_REQUIRED ACTION:_ Copy out each line below in which the string "Membrane" appears.

******

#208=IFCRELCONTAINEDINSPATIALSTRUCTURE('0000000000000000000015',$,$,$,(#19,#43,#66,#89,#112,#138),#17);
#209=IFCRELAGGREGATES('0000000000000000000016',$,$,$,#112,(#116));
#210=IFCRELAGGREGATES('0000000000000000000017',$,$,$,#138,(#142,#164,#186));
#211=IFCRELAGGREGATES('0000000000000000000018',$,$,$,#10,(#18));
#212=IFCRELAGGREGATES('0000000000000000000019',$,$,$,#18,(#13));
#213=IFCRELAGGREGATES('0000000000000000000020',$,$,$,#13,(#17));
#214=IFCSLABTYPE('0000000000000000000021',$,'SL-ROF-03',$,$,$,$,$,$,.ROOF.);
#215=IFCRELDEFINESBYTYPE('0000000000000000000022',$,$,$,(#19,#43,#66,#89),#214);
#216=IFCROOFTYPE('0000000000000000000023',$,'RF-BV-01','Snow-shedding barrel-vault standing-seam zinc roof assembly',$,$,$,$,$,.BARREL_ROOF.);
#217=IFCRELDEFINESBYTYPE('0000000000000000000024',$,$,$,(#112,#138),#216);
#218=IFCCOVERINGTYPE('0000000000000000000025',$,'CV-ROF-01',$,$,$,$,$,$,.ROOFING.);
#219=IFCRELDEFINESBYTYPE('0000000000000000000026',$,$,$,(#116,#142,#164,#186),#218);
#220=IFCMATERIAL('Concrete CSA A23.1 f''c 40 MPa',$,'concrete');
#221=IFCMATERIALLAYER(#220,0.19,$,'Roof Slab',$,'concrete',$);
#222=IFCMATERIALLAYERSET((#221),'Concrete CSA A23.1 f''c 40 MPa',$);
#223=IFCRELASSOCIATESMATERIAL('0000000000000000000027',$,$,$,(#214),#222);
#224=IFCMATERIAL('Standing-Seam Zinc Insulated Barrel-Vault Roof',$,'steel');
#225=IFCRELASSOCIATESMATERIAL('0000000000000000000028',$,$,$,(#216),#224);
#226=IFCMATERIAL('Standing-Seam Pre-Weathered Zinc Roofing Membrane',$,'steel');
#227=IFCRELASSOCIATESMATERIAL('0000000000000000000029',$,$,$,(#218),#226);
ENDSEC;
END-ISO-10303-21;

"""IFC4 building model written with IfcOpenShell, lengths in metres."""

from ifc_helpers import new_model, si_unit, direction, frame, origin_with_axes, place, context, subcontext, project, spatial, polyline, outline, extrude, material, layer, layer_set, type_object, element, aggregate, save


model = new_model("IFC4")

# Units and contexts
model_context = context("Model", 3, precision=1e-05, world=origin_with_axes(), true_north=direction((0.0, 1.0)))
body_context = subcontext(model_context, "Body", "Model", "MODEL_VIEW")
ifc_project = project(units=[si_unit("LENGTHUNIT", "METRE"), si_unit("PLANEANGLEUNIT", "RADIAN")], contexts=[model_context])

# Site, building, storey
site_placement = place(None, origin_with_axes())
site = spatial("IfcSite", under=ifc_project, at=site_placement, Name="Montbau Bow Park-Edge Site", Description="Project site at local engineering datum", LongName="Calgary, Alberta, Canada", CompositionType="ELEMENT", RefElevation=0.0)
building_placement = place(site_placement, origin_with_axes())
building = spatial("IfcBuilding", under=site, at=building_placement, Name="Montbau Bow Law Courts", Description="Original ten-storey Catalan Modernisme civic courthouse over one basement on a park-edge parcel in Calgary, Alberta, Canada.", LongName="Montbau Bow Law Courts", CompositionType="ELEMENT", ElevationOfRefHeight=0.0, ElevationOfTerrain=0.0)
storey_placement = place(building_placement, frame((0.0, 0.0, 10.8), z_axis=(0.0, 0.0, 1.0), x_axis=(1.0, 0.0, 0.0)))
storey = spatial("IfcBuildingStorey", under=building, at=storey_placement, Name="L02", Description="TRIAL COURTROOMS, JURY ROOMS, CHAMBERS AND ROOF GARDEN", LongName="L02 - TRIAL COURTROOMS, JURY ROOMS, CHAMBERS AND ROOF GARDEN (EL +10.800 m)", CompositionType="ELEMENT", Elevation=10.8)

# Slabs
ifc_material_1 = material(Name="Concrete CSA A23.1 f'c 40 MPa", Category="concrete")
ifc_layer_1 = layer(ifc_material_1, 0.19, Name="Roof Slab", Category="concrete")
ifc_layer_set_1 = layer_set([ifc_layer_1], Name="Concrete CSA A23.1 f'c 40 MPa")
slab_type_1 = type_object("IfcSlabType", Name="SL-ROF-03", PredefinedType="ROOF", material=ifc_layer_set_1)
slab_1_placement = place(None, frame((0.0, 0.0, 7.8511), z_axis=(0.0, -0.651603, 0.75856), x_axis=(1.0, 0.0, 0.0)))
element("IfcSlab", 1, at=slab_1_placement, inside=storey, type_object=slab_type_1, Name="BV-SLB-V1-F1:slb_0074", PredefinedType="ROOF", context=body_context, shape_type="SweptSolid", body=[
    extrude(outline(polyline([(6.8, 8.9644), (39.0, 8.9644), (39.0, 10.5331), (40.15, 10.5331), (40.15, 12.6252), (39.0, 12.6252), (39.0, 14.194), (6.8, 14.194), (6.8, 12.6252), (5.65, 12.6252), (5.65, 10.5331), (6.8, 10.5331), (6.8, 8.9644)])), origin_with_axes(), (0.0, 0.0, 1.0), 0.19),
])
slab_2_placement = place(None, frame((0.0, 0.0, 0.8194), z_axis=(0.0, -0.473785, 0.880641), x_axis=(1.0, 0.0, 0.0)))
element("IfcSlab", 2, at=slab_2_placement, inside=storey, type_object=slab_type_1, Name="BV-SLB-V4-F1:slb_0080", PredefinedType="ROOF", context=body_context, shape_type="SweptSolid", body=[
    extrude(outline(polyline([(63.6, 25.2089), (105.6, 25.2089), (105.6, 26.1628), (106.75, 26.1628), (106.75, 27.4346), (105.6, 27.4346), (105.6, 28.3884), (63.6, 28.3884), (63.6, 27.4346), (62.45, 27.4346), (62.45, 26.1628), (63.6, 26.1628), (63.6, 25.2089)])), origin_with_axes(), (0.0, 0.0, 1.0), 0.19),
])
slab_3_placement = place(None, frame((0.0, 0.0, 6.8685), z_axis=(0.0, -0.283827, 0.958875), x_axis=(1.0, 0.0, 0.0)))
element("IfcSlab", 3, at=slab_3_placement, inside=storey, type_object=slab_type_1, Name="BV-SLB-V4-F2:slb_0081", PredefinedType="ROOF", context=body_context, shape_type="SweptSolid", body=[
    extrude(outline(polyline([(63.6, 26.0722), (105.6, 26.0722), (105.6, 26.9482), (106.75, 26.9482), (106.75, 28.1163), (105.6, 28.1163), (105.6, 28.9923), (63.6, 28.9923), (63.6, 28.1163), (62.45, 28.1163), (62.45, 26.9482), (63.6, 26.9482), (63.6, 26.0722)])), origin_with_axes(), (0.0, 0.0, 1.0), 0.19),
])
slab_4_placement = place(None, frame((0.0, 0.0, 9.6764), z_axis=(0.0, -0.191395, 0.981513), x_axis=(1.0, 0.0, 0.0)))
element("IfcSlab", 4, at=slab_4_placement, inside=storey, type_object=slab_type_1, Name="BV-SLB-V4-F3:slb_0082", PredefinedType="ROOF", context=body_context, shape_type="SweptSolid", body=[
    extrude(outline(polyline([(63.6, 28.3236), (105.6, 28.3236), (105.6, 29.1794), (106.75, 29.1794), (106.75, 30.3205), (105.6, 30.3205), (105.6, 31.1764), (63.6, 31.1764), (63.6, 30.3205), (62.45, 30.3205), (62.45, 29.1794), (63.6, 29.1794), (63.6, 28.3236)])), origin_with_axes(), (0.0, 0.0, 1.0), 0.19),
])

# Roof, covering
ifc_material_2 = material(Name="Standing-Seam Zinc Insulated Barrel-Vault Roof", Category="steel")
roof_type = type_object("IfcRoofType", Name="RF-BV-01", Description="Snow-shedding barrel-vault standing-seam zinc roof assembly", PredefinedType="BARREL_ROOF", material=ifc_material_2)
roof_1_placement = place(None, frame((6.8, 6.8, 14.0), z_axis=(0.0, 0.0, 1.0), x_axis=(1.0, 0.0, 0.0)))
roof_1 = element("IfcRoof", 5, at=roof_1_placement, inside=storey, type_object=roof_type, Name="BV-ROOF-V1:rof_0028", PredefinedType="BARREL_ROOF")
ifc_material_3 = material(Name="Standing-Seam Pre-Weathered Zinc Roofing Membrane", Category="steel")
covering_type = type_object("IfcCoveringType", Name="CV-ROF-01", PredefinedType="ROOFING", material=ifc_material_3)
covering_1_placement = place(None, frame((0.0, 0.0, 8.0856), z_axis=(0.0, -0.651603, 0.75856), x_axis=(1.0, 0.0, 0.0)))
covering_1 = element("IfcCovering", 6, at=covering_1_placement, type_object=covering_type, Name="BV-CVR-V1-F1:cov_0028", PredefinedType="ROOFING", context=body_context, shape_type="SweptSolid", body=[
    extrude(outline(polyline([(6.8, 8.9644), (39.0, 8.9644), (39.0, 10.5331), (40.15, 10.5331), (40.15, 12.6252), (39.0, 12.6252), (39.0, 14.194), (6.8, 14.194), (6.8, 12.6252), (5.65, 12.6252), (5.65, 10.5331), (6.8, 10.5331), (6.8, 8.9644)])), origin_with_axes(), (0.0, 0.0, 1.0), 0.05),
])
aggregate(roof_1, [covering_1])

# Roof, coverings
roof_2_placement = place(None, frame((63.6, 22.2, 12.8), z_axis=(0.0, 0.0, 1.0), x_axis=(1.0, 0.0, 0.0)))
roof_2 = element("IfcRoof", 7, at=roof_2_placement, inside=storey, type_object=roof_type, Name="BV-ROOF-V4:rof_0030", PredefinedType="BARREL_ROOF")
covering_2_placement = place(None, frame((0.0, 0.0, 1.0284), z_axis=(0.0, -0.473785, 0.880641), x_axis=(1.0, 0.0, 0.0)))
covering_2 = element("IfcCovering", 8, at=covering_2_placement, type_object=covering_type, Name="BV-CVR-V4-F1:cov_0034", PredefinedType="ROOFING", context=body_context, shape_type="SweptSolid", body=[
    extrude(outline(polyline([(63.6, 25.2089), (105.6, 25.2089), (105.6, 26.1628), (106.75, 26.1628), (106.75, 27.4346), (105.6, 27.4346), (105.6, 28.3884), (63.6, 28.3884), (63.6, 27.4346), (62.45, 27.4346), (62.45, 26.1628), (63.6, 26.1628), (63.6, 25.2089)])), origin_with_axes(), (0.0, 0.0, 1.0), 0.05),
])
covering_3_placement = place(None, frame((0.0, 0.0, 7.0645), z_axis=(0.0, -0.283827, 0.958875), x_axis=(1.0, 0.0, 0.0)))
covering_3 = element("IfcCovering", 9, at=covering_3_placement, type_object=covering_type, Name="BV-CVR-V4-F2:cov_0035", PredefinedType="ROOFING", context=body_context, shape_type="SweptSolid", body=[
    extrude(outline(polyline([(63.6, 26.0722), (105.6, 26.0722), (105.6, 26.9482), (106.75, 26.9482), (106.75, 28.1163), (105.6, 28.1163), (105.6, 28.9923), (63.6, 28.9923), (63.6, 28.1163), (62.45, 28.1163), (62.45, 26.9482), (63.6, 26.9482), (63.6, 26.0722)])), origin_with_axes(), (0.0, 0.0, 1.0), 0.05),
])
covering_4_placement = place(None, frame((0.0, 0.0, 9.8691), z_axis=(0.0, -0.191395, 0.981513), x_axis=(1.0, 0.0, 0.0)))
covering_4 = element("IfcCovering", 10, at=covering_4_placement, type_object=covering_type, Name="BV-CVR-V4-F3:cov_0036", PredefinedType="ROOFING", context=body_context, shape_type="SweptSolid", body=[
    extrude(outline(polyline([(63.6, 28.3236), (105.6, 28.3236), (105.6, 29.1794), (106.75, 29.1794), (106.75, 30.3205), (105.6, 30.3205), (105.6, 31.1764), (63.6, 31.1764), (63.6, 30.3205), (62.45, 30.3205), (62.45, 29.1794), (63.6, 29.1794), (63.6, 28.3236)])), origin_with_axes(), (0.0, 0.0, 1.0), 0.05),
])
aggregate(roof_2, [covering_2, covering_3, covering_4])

******

_WRITTEN SOLUTION:_
#226=IFCMATERIAL('Standing-Seam Pre-Weathered Zinc Roofing Membrane',$,'steel');
ifc_material_3 = material(Name="Standing-Seam Pre-Weathered Zinc Roofing Membrane", Category="steel")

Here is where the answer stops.